* _Work instructions_
Below are the entries. Transcribe exactly the lines from the one with "#103=IFCINDEXEDPOLYGONALFACE((13,17,18,14));" through the one with "#109=IFCINDEXEDPOLYGONALFACE((25,29,30,26));", ends included, and leave out all others.

===== Records to process =====

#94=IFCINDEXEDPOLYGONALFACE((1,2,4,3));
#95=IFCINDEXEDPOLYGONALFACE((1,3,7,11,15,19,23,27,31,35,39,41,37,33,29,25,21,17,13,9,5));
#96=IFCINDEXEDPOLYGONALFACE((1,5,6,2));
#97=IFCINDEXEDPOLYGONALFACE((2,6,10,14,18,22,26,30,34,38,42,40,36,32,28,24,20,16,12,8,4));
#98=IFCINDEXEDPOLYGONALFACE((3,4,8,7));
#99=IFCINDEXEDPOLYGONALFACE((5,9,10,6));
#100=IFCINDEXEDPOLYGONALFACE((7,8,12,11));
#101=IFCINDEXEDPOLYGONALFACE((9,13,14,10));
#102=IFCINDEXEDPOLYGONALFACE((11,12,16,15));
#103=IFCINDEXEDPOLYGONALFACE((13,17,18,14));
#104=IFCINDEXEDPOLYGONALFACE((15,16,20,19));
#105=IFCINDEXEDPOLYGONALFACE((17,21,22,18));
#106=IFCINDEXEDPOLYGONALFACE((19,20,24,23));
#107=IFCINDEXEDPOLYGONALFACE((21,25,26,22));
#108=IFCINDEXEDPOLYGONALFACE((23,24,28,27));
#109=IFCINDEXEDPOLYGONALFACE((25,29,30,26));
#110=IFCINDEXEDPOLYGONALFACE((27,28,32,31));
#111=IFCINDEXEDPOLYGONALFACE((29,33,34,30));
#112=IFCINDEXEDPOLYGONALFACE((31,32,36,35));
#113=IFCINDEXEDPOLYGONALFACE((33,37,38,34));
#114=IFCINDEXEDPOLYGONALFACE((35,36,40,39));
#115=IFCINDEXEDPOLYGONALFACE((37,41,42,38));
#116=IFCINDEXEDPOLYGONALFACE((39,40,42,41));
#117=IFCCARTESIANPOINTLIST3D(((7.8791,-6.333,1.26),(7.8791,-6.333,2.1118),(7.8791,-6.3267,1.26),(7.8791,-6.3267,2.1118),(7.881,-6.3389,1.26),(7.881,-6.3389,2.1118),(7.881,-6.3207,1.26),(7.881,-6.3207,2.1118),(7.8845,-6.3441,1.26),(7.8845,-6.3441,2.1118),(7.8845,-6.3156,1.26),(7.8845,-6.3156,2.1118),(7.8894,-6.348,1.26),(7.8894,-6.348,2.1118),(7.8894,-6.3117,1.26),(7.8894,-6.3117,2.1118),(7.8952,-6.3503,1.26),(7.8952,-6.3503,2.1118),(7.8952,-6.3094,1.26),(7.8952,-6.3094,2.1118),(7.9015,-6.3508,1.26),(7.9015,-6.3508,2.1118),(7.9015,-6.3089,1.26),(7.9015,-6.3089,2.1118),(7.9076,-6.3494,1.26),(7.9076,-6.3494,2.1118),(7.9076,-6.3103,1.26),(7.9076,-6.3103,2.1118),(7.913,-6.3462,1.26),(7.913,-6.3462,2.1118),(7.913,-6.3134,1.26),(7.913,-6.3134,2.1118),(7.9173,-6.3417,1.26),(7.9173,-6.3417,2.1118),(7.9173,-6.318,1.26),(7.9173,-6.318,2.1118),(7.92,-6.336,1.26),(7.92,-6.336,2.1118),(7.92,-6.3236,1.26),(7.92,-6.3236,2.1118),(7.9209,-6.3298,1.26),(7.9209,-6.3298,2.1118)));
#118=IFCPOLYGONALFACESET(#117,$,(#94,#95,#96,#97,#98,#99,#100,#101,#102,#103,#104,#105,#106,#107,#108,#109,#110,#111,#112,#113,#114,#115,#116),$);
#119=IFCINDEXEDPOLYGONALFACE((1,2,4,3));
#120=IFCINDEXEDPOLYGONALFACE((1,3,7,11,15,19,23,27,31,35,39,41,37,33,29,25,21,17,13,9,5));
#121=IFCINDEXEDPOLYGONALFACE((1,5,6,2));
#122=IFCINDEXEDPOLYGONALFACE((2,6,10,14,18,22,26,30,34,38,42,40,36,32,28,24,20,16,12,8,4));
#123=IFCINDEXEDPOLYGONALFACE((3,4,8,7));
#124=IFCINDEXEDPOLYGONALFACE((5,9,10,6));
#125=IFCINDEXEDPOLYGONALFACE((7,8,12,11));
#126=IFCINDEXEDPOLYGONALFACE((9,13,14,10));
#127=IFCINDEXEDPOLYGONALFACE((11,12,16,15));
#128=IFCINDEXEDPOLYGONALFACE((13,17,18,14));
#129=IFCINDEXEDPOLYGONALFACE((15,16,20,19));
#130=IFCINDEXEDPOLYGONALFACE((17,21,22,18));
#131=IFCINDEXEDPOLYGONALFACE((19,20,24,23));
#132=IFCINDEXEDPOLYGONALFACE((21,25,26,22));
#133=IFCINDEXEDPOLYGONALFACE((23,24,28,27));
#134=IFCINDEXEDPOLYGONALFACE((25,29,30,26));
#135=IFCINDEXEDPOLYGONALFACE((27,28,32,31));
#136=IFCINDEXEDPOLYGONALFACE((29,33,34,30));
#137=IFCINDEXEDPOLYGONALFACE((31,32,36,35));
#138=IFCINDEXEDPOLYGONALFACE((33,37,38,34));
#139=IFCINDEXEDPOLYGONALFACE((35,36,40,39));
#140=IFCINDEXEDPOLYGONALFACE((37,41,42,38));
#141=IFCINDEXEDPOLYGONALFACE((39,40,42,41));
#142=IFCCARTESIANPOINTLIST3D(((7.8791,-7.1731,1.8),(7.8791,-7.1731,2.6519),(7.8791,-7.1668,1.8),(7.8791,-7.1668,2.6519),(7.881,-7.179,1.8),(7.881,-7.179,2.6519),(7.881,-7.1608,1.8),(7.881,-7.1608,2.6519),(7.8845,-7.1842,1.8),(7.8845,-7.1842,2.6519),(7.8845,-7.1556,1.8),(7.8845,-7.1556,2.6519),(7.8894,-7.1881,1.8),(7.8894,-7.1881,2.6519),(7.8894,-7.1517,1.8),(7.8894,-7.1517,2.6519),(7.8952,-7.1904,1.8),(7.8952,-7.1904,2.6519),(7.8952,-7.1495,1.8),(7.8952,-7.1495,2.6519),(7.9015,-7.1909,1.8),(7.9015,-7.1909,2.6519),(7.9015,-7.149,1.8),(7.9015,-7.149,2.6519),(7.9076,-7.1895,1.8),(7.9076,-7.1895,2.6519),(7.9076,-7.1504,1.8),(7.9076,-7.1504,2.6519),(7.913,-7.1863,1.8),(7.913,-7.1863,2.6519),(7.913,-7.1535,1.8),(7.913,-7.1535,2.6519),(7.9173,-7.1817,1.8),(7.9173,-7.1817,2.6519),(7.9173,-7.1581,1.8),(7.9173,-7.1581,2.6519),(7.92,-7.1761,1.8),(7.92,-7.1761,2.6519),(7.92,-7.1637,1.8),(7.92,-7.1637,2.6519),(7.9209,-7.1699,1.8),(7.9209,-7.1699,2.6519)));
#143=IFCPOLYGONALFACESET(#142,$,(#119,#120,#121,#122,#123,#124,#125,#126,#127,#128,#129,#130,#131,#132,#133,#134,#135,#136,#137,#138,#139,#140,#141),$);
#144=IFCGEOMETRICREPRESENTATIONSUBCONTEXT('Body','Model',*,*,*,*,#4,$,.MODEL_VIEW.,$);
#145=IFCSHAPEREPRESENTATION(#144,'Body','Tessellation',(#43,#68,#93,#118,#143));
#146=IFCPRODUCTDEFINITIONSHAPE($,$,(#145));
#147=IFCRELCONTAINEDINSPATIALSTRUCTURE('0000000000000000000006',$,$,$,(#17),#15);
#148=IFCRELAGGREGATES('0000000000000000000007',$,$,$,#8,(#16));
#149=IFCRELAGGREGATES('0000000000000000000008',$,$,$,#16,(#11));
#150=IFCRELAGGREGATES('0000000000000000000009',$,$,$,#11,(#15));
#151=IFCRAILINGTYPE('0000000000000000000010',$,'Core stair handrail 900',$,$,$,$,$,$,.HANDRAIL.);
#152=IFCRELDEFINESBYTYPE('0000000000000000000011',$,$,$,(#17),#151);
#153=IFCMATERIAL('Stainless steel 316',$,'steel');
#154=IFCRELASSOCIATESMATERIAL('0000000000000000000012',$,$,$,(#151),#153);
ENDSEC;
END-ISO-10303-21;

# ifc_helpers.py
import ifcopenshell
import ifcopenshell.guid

=====

* _Task result_
#103=IFCINDEXEDPOLYGONALFACE((13,17,18,14));
#104=IFCINDEXEDPOLYGONALFACE((15,16,20,19));
#105=IFCINDEXEDPOLYGONALFACE((17,21,22,18));
#106=IFCINDEXEDPOLYGONALFACE((19,20,24,23));
#107=IFCINDEXEDPOLYGONALFACE((21,25,26,22));
#108=IFCINDEXEDPOLYGONALFACE((23,24,28,27));
#109=IFCINDEXEDPOLYGONALFACE((25,29,30,26));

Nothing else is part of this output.